* **REQUIRED ACTION**: Whenever a line in the data holds the string "inside", copy that line.

* **THE DATA**:
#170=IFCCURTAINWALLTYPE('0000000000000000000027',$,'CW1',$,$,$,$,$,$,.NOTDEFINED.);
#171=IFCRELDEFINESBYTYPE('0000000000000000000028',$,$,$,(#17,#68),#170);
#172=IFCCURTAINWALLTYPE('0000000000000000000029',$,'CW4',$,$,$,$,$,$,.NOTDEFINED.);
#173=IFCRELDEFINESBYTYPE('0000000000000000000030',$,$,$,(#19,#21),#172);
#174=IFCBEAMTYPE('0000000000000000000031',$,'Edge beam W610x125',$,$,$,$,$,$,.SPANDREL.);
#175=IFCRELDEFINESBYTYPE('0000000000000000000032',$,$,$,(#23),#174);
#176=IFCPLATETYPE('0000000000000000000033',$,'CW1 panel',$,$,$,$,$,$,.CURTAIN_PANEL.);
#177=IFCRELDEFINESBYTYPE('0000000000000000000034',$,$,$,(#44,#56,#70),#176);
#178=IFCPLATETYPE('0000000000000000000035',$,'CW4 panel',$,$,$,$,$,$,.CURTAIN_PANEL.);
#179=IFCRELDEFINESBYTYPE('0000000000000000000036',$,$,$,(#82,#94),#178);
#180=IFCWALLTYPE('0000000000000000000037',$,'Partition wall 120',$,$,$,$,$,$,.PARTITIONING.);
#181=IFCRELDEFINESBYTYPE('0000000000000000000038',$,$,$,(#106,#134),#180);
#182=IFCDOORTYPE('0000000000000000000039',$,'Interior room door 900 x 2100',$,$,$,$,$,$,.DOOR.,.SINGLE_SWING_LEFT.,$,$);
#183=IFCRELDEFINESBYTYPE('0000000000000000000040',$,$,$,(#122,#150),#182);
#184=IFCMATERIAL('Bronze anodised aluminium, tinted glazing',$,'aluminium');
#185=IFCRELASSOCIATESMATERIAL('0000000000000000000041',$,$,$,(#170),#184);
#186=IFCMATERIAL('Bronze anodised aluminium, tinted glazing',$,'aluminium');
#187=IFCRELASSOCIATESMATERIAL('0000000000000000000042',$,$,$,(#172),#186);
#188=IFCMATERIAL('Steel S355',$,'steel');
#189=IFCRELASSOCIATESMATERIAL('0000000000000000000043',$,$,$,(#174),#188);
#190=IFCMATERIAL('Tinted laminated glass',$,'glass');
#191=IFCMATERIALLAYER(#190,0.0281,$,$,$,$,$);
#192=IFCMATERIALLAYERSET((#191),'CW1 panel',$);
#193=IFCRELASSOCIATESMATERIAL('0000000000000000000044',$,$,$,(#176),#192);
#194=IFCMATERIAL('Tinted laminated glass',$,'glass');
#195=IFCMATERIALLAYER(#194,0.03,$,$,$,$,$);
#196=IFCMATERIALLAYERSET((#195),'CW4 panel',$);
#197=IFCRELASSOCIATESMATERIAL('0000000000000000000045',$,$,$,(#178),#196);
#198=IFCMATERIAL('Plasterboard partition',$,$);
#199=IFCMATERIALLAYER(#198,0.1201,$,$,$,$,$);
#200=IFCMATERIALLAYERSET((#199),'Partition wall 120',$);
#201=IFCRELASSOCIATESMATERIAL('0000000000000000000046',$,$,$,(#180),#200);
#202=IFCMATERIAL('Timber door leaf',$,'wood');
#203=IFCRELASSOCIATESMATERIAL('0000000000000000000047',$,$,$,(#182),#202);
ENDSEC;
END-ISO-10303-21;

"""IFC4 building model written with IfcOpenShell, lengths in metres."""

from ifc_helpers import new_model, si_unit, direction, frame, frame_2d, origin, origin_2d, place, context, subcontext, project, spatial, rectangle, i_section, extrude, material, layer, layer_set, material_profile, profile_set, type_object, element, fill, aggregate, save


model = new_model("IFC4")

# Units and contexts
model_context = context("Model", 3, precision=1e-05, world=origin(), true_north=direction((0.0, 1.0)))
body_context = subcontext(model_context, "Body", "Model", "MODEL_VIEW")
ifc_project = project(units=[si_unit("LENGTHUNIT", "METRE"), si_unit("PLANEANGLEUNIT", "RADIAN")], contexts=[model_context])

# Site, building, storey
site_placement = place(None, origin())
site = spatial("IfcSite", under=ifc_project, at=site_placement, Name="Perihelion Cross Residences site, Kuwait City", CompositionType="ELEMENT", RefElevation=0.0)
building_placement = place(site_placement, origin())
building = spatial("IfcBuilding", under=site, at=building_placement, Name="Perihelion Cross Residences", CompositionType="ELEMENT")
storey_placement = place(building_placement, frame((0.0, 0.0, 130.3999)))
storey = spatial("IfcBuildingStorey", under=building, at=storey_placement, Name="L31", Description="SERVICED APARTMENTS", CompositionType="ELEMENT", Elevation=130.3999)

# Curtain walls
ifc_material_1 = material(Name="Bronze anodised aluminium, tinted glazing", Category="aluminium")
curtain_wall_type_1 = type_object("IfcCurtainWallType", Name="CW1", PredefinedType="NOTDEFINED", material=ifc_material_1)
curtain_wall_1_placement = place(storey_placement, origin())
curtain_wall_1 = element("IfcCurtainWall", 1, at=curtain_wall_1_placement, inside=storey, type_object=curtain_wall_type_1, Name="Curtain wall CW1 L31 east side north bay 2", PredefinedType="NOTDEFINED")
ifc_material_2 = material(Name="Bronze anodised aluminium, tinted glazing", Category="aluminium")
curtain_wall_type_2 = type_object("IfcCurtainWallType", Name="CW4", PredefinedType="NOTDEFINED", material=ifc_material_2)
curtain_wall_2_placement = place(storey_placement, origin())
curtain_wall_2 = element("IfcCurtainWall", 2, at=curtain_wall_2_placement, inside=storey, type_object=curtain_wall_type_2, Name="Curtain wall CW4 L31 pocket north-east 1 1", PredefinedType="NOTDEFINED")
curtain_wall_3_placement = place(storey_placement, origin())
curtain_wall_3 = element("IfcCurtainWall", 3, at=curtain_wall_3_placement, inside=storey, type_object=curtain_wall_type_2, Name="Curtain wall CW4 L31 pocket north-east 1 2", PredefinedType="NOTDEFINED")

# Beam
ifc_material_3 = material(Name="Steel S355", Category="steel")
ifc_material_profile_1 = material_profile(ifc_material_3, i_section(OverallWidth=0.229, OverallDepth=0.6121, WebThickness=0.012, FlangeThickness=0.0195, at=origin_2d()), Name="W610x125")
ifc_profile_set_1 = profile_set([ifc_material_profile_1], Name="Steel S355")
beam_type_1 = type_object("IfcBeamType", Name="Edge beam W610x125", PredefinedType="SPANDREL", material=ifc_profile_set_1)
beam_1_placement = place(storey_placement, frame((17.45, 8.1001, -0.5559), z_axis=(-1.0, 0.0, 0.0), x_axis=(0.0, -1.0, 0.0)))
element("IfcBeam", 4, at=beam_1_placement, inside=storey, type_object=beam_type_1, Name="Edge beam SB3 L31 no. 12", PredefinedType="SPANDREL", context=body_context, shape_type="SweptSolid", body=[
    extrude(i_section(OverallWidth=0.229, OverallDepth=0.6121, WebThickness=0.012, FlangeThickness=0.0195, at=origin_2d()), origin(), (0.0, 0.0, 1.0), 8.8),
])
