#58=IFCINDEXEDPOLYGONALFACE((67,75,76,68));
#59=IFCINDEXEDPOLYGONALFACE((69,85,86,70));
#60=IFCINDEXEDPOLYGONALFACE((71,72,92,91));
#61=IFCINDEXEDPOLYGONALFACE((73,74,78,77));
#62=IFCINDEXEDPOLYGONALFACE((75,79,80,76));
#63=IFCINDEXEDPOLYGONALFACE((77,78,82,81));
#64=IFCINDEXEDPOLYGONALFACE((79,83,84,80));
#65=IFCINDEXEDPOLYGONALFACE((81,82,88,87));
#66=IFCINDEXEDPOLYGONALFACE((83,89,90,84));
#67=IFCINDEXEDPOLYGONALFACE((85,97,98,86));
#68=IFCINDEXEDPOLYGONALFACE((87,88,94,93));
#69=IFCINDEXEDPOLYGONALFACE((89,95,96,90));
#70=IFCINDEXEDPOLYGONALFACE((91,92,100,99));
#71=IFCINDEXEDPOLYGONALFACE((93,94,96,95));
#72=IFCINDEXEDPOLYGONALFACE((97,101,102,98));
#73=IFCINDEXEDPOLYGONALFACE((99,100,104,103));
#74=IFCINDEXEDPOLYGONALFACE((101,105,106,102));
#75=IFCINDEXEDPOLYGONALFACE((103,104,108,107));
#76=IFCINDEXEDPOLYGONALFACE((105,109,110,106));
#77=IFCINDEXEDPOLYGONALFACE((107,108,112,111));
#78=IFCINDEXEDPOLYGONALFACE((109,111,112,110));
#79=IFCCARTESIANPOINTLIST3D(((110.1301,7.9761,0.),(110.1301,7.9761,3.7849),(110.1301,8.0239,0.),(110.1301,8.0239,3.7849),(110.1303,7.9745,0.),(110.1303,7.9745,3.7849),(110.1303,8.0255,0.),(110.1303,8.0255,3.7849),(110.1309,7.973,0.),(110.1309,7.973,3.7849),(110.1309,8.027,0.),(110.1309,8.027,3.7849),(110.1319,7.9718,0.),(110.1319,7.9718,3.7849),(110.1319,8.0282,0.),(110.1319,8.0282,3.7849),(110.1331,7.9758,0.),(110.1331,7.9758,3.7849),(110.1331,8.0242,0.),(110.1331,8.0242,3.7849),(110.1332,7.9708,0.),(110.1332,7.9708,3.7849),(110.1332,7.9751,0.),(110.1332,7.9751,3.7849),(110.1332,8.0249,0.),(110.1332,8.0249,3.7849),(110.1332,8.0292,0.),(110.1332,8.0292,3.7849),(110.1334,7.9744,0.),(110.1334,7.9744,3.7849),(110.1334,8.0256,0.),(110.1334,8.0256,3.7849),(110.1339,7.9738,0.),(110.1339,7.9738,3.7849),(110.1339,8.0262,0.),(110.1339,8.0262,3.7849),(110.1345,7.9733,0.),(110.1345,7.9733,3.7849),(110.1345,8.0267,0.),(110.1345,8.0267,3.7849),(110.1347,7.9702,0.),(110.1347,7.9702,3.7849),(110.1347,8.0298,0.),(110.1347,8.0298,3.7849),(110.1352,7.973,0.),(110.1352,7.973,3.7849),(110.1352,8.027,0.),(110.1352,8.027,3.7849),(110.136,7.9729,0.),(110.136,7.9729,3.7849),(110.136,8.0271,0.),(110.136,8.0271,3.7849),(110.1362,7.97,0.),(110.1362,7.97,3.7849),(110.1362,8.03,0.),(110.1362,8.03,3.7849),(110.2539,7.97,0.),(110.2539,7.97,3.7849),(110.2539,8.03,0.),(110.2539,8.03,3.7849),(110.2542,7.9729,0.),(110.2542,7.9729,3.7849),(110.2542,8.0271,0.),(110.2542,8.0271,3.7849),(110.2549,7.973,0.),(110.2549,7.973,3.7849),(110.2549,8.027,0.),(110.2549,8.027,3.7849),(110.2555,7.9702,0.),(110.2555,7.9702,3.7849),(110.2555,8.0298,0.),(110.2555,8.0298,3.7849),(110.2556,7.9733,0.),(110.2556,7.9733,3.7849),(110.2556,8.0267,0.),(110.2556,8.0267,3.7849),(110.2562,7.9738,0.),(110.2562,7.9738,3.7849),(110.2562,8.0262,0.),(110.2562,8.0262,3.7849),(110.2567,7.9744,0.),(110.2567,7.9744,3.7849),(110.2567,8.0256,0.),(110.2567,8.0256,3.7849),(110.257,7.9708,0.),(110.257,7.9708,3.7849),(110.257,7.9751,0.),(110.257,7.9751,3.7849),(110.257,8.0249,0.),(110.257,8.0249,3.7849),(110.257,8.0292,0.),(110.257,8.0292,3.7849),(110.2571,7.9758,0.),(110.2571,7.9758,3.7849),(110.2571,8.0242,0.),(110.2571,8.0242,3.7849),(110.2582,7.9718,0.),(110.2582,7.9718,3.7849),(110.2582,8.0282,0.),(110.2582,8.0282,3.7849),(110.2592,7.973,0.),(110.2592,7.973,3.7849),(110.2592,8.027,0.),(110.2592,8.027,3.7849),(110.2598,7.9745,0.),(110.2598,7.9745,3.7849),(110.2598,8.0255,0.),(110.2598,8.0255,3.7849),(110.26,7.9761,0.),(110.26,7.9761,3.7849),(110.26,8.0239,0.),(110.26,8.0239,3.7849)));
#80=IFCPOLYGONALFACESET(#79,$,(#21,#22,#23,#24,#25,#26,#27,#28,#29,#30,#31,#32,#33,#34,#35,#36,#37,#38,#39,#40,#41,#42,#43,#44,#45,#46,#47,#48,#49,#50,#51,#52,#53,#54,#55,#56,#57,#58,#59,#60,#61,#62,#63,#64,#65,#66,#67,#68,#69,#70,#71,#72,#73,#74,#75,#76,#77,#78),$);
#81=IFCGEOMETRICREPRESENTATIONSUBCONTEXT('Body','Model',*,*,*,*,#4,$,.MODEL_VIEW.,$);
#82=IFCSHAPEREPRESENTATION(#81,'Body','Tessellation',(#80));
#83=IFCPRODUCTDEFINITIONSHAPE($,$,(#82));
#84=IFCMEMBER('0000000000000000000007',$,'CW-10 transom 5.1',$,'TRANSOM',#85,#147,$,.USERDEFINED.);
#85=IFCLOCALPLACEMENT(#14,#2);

* **OUTPUT OF THE TASK**:
curtain_wall_1 = element("IfcCurtainWall", 1, at=curtain_wall_1_placement, inside=storey, type_object=curtain_wall_type_1, Name="Curtain wall CW1 L31 east side north bay 2", PredefinedType="NOTDEFINED")
curtain_wall_2 = element("IfcCurtainWall", 2, at=curtain_wall_2_placement, inside=storey, type_object=curtain_wall_type_2, Name="Curtain wall CW4 L31 pocket north-east 1 1", PredefinedType="NOTDEFINED")
curtain_wall_3 = element("IfcCurtainWall", 3, at=curtain_wall_3_placement, inside=storey, type_object=curtain_wall_type_2, Name="Curtain wall CW4 L31 pocket north-east 1 2", PredefinedType="NOTDEFINED")
element("IfcBeam", 4, at=beam_1_placement, inside=storey, type_object=beam_type_1, Name="Edge beam SB3 L31 no. 12", PredefinedType="SPANDREL", context=body_context, shape_type="SweptSolid", body=[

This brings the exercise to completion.